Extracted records
· · · · ·

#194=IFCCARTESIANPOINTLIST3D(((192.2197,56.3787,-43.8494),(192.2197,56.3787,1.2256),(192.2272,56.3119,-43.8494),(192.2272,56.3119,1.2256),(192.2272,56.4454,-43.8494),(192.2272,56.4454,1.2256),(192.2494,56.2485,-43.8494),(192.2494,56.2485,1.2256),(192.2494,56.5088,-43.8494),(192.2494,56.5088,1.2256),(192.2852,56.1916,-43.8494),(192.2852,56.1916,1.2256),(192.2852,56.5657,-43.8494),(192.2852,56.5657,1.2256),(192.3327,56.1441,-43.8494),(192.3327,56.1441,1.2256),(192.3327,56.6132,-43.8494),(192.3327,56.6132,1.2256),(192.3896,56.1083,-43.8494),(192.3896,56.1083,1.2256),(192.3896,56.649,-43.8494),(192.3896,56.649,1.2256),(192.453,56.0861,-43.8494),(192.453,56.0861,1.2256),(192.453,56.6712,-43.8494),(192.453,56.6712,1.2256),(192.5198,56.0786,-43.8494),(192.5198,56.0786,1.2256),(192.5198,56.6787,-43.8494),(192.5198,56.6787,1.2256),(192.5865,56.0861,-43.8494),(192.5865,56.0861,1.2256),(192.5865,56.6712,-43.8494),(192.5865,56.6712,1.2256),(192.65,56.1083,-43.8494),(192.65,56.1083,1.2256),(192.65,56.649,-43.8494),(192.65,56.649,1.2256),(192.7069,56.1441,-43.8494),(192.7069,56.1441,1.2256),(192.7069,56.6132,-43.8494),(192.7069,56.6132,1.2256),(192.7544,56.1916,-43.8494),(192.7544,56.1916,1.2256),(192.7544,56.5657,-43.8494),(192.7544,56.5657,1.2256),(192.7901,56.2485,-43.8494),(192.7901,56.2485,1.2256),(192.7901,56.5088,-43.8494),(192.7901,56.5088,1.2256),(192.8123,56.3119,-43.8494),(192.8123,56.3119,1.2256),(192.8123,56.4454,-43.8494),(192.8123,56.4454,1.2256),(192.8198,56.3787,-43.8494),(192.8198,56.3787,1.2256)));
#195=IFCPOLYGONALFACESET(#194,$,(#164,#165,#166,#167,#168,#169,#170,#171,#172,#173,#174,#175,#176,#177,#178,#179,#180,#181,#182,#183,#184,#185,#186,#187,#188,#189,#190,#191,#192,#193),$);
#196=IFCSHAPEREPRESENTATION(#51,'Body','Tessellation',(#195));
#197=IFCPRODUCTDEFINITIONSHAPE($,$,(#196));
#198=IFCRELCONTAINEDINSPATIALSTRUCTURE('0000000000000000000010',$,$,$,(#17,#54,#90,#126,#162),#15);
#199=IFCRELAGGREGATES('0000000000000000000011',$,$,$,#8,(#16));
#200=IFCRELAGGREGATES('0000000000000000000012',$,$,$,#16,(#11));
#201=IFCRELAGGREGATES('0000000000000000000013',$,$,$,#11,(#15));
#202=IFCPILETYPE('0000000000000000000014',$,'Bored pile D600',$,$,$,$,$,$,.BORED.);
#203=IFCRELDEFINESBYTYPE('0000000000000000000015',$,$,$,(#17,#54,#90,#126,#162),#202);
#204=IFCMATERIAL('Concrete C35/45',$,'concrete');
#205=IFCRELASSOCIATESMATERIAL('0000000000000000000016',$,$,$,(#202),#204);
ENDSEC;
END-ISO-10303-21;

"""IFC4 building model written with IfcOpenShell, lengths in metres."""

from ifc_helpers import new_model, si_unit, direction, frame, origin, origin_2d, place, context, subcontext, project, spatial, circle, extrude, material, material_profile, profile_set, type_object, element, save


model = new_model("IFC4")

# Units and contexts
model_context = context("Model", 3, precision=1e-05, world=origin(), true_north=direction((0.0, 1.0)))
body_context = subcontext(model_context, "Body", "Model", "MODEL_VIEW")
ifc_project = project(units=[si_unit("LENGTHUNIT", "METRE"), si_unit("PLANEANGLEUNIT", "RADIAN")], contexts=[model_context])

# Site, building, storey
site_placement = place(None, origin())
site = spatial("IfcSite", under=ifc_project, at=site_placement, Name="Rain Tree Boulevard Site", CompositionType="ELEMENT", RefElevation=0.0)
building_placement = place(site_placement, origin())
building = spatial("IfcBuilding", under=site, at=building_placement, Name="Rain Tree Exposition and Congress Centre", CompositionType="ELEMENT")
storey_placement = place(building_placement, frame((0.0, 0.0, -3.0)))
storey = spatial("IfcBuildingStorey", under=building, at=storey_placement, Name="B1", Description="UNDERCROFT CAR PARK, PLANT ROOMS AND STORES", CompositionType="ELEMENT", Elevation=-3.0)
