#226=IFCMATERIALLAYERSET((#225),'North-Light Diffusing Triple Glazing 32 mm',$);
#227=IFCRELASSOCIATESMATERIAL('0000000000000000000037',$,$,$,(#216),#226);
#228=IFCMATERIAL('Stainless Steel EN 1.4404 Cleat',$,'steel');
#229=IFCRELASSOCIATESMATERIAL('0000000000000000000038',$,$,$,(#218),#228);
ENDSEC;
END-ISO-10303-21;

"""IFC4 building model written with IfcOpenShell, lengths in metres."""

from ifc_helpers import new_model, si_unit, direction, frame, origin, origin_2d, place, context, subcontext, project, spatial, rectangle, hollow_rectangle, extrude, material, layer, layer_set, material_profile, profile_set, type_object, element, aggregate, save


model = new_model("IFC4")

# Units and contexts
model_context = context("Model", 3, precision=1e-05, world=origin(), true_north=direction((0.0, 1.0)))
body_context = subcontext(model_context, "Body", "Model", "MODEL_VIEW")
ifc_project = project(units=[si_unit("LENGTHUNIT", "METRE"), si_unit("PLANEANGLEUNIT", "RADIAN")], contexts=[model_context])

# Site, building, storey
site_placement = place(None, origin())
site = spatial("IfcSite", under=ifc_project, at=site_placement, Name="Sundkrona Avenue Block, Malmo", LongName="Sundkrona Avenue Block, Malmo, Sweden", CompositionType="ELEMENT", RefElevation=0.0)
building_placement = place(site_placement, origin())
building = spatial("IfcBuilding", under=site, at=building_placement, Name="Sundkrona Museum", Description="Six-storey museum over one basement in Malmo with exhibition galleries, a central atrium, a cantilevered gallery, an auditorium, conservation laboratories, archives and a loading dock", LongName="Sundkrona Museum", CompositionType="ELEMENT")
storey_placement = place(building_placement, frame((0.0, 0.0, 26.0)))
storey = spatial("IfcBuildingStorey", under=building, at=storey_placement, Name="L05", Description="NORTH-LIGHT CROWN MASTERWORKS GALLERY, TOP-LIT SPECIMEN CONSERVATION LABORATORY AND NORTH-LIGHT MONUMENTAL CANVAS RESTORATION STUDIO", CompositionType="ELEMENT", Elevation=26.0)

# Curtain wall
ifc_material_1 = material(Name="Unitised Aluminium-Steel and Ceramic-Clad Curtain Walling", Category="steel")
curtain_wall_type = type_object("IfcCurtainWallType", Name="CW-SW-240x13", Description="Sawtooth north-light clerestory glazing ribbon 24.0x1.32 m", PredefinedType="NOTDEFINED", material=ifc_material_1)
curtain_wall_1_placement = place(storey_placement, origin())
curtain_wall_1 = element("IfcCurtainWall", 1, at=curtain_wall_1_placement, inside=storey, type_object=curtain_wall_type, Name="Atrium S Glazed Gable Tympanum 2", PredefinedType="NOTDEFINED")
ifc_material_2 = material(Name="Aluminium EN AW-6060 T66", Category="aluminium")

· · · · ·

> **Exercise brief**
Using the data above, output each line exactly.

> **Task output**
#194=IFCCARTESIANPOINTLIST3D(((192.2197,56.3787,-43.8494),(192.2197,56.3787,1.2256),(192.2272,56.3119,-43.8494),(192.2272,56.3119,1.2256),(192.2272,56.4454,-43.8494),(192.2272,56.4454,1.2256),(192.2494,56.2485,-43.8494),(192.2494,56.2485,1.2256),(192.2494,56.5088,-43.8494),(192.2494,56.5088,1.2256),(192.2852,56.1916,-43.8494),(192.2852,56.1916,1.2256),(192.2852,56.5657,-43.8494),(192.2852,56.5657,1.2256),(192.3327,56.1441,-43.8494),(192.3327,56.1441,1.2256),(192.3327,56.6132,-43.8494),(192.3327,56.6132,1.2256),(192.3896,56.1083,-43.8494),(192.3896,56.1083,1.2256),(192.3896,56.649,-43.8494),(192.3896,56.649,1.2256),(192.453,56.0861,-43.8494),(192.453,56.0861,1.2256),(192.453,56.6712,-43.8494),(192.453,56.6712,1.2256),(192.5198,56.0786,-43.8494),(192.5198,56.0786,1.2256),(192.5198,56.6787,-43.8494),(192.5198,56.6787,1.2256),(192.5865,56.0861,-43.8494),(192.5865,56.0861,1.2256),(192.5865,56.6712,-43.8494),(192.5865,56.6712,1.2256),(192.65,56.1083,-43.8494),(192.65,56.1083,1.2256),(192.65,56.649,-43.8494),(192.65,56.649,1.2256),(192.7069,56.1441,-43.8494),(192.7069,56.1441,1.2256),(192.7069,56.6132,-43.8494),(192.7069,56.6132,1.2256),(192.7544,56.1916,-43.8494),(192.7544,56.1916,1.2256),(192.7544,56.5657,-43.8494),(192.7544,56.5657,1.2256),(192.7901,56.2485,-43.8494),(192.7901,56.2485,1.2256),(192.7901,56.5088,-43.8494),(192.7901,56.5088,1.2256),(192.8123,56.3119,-43.8494),(192.8123,56.3119,1.2256),(192.8123,56.4454,-43.8494),(192.8123,56.4454,1.2256),(192.8198,56.3787,-43.8494),(192.8198,56.3787,1.2256)));
#195=IFCPOLYGONALFACESET(#194,$,(#164,#165,#166,#167,#168,#169,#170,#171,#172,#173,#174,#175,#176,#177,#178,#179,#180,#181,#182,#183,#184,#185,#186,#187,#188,#189,#190,#191,#192,#193),$);
#196=IFCSHAPEREPRESENTATION(#51,'Body','Tessellation',(#195));
#197=IFCPRODUCTDEFINITIONSHAPE($,$,(#196));
#198=IFCRELCONTAINEDINSPATIALSTRUCTURE('0000000000000000000010',$,$,$,(#17,#54,#90,#126,#162),#15);
#199=IFCRELAGGREGATES('0000000000000000000011',$,$,$,#8,(#16));
#200=IFCRELAGGREGATES('0000000000000000000012',$,$,$,#16,(#11));
#201=IFCRELAGGREGATES('0000000000000000000013',$,$,$,#11,(#15));
#202=IFCPILETYPE('0000000000000000000014',$,'Bored pile D600',$,$,$,$,$,$,.BORED.);
#203=IFCRELDEFINESBYTYPE('0000000000000000000015',$,$,$,(#17,#54,#90,#126,#162),#202);
#204=IFCMATERIAL('Concrete C35/45',$,'concrete');
#205=IFCRELASSOCIATESMATERIAL('0000000000000000000016',$,$,$,(#202),#204);
ENDSEC;
END-ISO-10303-21;

"""IFC4 building model written with IfcOpenShell, lengths in metres."""

from ifc_helpers import new_model, si_unit, direction, frame, origin, origin_2d, place, context, subcontext, project, spatial, circle, extrude, material, material_profile, profile_set, type_object, element, save


model = new_model("IFC4")

# Units and contexts
model_context = context("Model", 3, precision=1e-05, world=origin(), true_north=direction((0.0, 1.0)))
body_context = subcontext(model_context, "Body", "Model", "MODEL_VIEW")
ifc_project = project(units=[si_unit("LENGTHUNIT", "METRE"), si_unit("PLANEANGLEUNIT", "RADIAN")], contexts=[model_context])

# Site, building, storey
site_placement = place(None, origin())
site = spatial("IfcSite", under=ifc_project, at=site_placement, Name="Rain Tree Boulevard Site", CompositionType="ELEMENT", RefElevation=0.0)
building_placement = place(site_placement, origin())
building = spatial("IfcBuilding", under=site, at=building_placement, Name="Rain Tree Exposition and Congress Centre", CompositionType="ELEMENT")
storey_placement = place(building_placement, frame((0.0, 0.0, -3.0)))
storey = spatial("IfcBuildingStorey", under=building, at=storey_placement, Name="B1", Description="UNDERCROFT CAR PARK, PLANT ROOMS AND STORES", CompositionType="ELEMENT", Elevation=-3.0)
#226=IFCMATERIALLAYERSET((#225),'North-Light Diffusing Triple Glazing 32 mm',$);
#227=IFCRELASSOCIATESMATERIAL('0000000000000000000037',$,$,$,(#216),#226);
#228=IFCMATERIAL('Stainless Steel EN 1.4404 Cleat',$,'steel');
#229=IFCRELASSOCIATESMATERIAL('0000000000000000000038',$,$,$,(#218),#228);
ENDSEC;
END-ISO-10303-21;

"""IFC4 building model written with IfcOpenShell, lengths in metres."""

from ifc_helpers import new_model, si_unit, direction, frame, origin, origin_2d, place, context, subcontext, project, spatial, rectangle, hollow_rectangle, extrude, material, layer, layer_set, material_profile, profile_set, type_object, element, aggregate, save


model = new_model("IFC4")

# Units and contexts
model_context = context("Model", 3, precision=1e-05, world=origin(), true_north=direction((0.0, 1.0)))
body_context = subcontext(model_context, "Body", "Model", "MODEL_VIEW")
ifc_project = project(units=[si_unit("LENGTHUNIT", "METRE"), si_unit("PLANEANGLEUNIT", "RADIAN")], contexts=[model_context])

# Site, building, storey
site_placement = place(None, origin())
site = spatial("IfcSite", under=ifc_project, at=site_placement, Name="Sundkrona Avenue Block, Malmo", LongName="Sundkrona Avenue Block, Malmo, Sweden", CompositionType="ELEMENT", RefElevation=0.0)
building_placement = place(site_placement, origin())
building = spatial("IfcBuilding", under=site, at=building_placement, Name="Sundkrona Museum", Description="Six-storey museum over one basement in Malmo with exhibition galleries, a central atrium, a cantilevered gallery, an auditorium, conservation laboratories, archives and a loading dock", LongName="Sundkrona Museum", CompositionType="ELEMENT")
storey_placement = place(building_placement, frame((0.0, 0.0, 26.0)))
storey = spatial("IfcBuildingStorey", under=building, at=storey_placement, Name="L05", Description="NORTH-LIGHT CROWN MASTERWORKS GALLERY, TOP-LIT SPECIMEN CONSERVATION LABORATORY AND NORTH-LIGHT MONUMENTAL CANVAS RESTORATION STUDIO", CompositionType="ELEMENT", Elevation=26.0)

# Curtain wall
ifc_material_1 = material(Name="Unitised Aluminium-Steel and Ceramic-Clad Curtain Walling", Category="steel")
curtain_wall_type = type_object("IfcCurtainWallType", Name="CW-SW-240x13", Description="Sawtooth north-light clerestory glazing ribbon 24.0x1.32 m", PredefinedType="NOTDEFINED", material=ifc_material_1)
curtain_wall_1_placement = place(storey_placement, origin())
curtain_wall_1 = element("IfcCurtainWall", 1, at=curtain_wall_1_placement, inside=storey, type_object=curtain_wall_type, Name="Atrium S Glazed Gable Tympanum 2", PredefinedType="NOTDEFINED")
ifc_material_2 = material(Name="Aluminium EN AW-6060 T66", Category="aluminium")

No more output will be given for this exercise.